BEGIN
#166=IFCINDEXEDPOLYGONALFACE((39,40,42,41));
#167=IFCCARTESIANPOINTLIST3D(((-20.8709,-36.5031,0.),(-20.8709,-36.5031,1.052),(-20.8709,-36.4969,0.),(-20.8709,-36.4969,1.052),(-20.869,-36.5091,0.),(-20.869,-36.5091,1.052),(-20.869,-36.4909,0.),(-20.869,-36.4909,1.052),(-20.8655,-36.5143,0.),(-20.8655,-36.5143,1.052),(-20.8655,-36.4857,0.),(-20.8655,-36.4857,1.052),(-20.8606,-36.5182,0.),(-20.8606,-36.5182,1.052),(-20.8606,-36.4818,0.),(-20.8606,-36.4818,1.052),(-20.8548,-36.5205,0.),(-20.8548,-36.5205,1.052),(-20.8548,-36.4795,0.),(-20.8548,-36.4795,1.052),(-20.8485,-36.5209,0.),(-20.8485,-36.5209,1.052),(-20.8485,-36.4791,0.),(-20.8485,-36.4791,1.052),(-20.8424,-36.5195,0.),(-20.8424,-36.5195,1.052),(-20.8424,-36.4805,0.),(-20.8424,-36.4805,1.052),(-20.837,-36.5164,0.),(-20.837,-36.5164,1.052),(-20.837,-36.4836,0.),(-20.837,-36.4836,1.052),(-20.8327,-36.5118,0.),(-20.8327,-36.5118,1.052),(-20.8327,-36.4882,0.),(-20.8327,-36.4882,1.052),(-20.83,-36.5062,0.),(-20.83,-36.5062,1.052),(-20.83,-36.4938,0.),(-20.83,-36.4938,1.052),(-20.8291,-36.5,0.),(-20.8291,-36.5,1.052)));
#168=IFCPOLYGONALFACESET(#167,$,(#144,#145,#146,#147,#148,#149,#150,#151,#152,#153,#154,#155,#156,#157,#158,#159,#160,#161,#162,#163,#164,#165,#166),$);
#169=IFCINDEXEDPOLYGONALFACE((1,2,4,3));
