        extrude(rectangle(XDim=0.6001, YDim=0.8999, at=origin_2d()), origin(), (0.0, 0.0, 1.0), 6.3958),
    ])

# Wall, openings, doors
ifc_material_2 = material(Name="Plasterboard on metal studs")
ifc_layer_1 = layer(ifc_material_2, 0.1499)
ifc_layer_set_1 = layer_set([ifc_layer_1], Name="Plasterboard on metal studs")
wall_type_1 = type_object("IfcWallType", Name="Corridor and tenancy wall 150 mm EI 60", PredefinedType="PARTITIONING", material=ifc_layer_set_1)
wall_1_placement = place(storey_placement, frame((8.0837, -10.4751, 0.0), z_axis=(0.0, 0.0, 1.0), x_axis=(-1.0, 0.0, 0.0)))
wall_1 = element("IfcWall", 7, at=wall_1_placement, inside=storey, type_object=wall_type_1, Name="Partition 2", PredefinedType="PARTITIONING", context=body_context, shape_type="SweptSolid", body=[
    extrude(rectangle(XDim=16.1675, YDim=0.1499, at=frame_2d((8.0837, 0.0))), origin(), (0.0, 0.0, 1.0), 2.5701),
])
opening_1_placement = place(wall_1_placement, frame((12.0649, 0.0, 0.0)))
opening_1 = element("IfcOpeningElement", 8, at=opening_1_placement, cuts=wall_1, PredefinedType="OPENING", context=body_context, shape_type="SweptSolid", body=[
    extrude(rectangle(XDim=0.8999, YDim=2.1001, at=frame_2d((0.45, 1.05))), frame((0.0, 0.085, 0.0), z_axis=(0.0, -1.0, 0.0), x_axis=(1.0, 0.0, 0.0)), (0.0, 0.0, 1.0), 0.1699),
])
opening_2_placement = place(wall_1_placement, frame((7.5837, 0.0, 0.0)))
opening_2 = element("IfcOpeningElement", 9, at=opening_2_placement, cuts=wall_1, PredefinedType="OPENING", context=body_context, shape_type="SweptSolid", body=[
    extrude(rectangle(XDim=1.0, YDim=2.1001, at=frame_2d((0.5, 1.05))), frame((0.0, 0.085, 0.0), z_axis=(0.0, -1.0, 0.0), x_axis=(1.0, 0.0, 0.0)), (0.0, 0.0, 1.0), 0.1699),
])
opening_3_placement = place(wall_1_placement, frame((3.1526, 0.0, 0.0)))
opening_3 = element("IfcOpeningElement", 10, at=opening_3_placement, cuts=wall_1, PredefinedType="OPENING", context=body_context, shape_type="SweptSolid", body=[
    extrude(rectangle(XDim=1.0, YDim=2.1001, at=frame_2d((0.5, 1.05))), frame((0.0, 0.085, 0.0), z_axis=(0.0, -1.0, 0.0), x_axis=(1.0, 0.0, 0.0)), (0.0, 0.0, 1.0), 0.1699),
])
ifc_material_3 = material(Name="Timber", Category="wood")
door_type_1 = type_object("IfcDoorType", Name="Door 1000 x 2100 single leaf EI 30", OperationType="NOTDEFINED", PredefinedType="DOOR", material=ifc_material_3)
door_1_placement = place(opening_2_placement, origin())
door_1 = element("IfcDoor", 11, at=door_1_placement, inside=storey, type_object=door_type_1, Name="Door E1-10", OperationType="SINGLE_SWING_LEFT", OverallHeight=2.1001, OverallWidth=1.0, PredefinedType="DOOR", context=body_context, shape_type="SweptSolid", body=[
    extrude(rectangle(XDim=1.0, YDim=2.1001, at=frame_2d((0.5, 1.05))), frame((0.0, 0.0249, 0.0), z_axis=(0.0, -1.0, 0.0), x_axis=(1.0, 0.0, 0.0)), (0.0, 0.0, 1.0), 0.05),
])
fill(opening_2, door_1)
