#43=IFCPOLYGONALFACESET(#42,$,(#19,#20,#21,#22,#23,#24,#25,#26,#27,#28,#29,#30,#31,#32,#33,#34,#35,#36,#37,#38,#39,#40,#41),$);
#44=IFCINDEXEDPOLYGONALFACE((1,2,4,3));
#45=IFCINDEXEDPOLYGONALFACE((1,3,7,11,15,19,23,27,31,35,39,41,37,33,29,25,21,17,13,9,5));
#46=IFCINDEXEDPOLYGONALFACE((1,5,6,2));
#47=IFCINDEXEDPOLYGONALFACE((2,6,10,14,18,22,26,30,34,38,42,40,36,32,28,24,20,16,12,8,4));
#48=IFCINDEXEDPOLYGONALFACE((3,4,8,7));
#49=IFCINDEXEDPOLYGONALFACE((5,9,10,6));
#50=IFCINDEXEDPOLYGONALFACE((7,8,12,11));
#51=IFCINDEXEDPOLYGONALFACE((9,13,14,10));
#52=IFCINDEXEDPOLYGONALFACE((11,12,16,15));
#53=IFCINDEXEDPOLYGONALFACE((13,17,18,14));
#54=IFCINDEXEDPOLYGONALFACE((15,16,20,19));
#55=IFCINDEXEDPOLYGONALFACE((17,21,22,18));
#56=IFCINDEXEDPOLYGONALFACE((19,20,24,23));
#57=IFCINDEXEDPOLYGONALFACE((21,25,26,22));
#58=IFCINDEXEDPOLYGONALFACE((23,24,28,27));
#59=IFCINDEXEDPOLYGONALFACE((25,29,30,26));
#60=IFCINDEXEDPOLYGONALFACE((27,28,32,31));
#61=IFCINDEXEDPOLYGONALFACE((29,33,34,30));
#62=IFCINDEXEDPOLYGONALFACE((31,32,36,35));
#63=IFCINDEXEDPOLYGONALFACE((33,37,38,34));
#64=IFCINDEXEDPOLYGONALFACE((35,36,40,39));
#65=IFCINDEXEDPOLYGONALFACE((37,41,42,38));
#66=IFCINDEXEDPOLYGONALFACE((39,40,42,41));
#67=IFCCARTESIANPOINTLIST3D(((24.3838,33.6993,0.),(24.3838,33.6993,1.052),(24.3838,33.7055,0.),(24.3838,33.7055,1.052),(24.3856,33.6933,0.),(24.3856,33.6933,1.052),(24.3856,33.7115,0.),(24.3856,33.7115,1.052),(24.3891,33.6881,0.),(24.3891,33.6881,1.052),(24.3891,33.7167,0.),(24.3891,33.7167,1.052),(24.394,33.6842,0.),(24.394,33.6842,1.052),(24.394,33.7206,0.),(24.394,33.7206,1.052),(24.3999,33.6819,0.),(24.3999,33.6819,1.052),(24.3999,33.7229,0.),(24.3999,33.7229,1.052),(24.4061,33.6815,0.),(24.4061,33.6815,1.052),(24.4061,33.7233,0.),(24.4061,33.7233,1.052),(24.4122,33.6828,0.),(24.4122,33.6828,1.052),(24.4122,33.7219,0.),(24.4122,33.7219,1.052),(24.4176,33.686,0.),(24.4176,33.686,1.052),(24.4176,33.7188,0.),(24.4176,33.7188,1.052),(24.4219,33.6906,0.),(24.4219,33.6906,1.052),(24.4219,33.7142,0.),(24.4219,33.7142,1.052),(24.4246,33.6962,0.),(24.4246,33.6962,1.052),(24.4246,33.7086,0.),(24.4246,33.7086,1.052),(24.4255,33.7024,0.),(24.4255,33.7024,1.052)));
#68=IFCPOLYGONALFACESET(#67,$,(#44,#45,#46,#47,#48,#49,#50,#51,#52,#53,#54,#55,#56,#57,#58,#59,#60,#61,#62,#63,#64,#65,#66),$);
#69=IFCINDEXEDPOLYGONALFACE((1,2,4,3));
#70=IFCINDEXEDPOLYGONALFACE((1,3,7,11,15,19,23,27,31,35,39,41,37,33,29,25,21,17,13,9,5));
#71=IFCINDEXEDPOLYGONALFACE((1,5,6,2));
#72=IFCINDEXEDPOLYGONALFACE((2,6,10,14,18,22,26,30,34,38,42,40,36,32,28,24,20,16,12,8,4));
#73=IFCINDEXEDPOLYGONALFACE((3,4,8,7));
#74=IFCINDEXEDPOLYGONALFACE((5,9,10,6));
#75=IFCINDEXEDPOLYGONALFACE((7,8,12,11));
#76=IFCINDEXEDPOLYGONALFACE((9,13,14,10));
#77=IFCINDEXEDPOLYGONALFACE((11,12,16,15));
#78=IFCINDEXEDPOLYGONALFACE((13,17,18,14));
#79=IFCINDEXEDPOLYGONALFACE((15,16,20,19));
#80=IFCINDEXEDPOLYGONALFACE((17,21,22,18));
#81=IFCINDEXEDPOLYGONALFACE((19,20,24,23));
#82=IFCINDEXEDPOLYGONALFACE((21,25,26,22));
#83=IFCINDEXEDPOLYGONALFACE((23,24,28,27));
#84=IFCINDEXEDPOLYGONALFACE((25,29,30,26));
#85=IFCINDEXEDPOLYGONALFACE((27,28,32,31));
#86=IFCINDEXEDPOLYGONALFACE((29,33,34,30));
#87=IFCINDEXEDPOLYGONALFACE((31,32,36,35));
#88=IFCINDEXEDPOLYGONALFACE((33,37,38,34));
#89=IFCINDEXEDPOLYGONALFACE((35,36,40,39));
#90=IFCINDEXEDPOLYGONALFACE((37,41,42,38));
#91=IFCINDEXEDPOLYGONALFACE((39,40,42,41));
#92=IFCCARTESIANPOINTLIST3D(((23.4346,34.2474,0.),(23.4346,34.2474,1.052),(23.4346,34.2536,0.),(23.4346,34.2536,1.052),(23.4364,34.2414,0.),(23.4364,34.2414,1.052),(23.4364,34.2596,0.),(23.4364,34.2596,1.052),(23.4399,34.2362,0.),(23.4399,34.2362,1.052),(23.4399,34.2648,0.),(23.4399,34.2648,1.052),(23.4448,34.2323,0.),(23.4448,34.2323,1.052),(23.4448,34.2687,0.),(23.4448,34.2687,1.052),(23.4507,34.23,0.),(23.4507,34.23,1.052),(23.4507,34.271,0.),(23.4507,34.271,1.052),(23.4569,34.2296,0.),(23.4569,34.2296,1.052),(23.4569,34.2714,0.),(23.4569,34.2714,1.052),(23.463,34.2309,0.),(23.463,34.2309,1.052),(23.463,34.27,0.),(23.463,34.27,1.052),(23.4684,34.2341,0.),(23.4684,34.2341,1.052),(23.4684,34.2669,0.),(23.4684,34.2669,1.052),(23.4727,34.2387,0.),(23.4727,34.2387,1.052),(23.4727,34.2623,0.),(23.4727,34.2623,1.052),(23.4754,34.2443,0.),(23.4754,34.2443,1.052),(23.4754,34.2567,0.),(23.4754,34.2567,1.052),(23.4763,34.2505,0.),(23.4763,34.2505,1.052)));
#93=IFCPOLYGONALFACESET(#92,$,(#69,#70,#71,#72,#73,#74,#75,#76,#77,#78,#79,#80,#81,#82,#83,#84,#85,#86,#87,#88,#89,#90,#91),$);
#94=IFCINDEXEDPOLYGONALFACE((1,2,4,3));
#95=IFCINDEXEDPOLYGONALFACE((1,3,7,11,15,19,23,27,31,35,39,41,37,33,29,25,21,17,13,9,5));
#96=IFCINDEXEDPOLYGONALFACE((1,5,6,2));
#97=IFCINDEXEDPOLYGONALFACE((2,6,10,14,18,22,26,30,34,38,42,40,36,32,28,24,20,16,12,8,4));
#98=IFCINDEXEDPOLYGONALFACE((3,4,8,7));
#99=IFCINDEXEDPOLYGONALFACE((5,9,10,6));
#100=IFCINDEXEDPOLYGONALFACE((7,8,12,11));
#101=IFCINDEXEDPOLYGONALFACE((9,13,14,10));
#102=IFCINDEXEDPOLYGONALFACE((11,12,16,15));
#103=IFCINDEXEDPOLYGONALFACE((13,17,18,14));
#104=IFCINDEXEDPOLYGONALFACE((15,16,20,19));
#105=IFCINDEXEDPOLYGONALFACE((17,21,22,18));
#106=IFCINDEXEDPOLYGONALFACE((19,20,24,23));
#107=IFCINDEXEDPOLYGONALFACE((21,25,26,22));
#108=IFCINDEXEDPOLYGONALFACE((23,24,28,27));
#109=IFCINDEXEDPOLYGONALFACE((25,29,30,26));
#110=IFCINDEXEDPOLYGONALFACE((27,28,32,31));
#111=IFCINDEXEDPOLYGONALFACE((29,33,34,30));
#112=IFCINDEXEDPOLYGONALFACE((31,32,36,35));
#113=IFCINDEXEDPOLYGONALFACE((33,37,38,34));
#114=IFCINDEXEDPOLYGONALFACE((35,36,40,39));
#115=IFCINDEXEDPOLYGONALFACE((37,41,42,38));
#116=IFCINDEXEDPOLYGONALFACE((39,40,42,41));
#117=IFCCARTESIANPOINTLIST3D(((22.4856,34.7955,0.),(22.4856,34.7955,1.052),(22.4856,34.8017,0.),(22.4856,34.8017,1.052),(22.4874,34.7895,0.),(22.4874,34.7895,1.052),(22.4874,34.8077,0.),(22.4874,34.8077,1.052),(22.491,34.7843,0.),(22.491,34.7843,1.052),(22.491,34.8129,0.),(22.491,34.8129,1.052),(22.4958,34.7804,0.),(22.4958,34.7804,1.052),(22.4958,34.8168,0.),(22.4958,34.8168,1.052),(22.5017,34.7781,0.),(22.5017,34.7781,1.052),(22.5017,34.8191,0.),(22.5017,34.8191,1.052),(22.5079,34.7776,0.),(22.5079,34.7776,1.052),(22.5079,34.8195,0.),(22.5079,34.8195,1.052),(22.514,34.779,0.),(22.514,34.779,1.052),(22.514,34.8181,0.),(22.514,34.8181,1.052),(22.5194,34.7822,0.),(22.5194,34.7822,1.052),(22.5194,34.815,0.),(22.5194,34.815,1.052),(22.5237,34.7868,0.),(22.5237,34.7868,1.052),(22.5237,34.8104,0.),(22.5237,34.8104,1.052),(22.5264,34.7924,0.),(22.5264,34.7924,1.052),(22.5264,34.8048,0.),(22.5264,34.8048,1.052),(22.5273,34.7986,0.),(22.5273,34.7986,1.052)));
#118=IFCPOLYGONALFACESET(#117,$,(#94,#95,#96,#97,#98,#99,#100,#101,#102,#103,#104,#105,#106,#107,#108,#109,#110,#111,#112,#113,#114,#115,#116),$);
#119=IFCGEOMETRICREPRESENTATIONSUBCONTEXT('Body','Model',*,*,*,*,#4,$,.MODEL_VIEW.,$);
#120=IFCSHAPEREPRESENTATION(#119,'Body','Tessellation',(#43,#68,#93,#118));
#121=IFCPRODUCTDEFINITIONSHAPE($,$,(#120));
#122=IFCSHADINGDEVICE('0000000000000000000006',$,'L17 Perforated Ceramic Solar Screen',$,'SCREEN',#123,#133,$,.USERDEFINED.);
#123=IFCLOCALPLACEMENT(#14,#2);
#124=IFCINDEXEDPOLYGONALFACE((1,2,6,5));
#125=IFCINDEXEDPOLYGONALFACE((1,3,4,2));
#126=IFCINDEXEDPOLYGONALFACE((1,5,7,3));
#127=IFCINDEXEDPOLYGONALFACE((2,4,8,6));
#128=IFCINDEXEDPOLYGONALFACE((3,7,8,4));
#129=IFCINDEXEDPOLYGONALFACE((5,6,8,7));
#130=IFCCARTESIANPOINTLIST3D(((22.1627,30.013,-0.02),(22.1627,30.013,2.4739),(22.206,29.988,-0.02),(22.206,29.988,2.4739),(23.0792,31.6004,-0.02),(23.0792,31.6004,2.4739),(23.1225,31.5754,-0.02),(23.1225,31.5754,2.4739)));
END
# Exercise objective:
Among the entries above, find the line with "#98=IFCINDEXEDPOLYGONALFACE((3,4,8,7));" and the line with "#116=IFCINDEXEDPOLYGONALFACE((39,40,42,41));"; give again exactly these two lines and all lines between them.

# Response area:
#98=IFCINDEXEDPOLYGONALFACE((3,4,8,7));
#99=IFCINDEXEDPOLYGONALFACE((5,9,10,6));
#100=IFCINDEXEDPOLYGONALFACE((7,8,12,11));
#101=IFCINDEXEDPOLYGONALFACE((9,13,14,10));
#102=IFCINDEXEDPOLYGONALFACE((11,12,16,15));
#103=IFCINDEXEDPOLYGONALFACE((13,17,18,14));
#104=IFCINDEXEDPOLYGONALFACE((15,16,20,19));
#105=IFCINDEXEDPOLYGONALFACE((17,21,22,18));
#106=IFCINDEXEDPOLYGONALFACE((19,20,24,23));
#107=IFCINDEXEDPOLYGONALFACE((21,25,26,22));
#108=IFCINDEXEDPOLYGONALFACE((23,24,28,27));
#109=IFCINDEXEDPOLYGONALFACE((25,29,30,26));
#110=IFCINDEXEDPOLYGONALFACE((27,28,32,31));
#111=IFCINDEXEDPOLYGONALFACE((29,33,34,30));
#112=IFCINDEXEDPOLYGONALFACE((31,32,36,35));
#113=IFCINDEXEDPOLYGONALFACE((33,37,38,34));
#114=IFCINDEXEDPOLYGONALFACE((35,36,40,39));
#115=IFCINDEXEDPOLYGONALFACE((37,41,42,38));
#116=IFCINDEXEDPOLYGONALFACE((39,40,42,41));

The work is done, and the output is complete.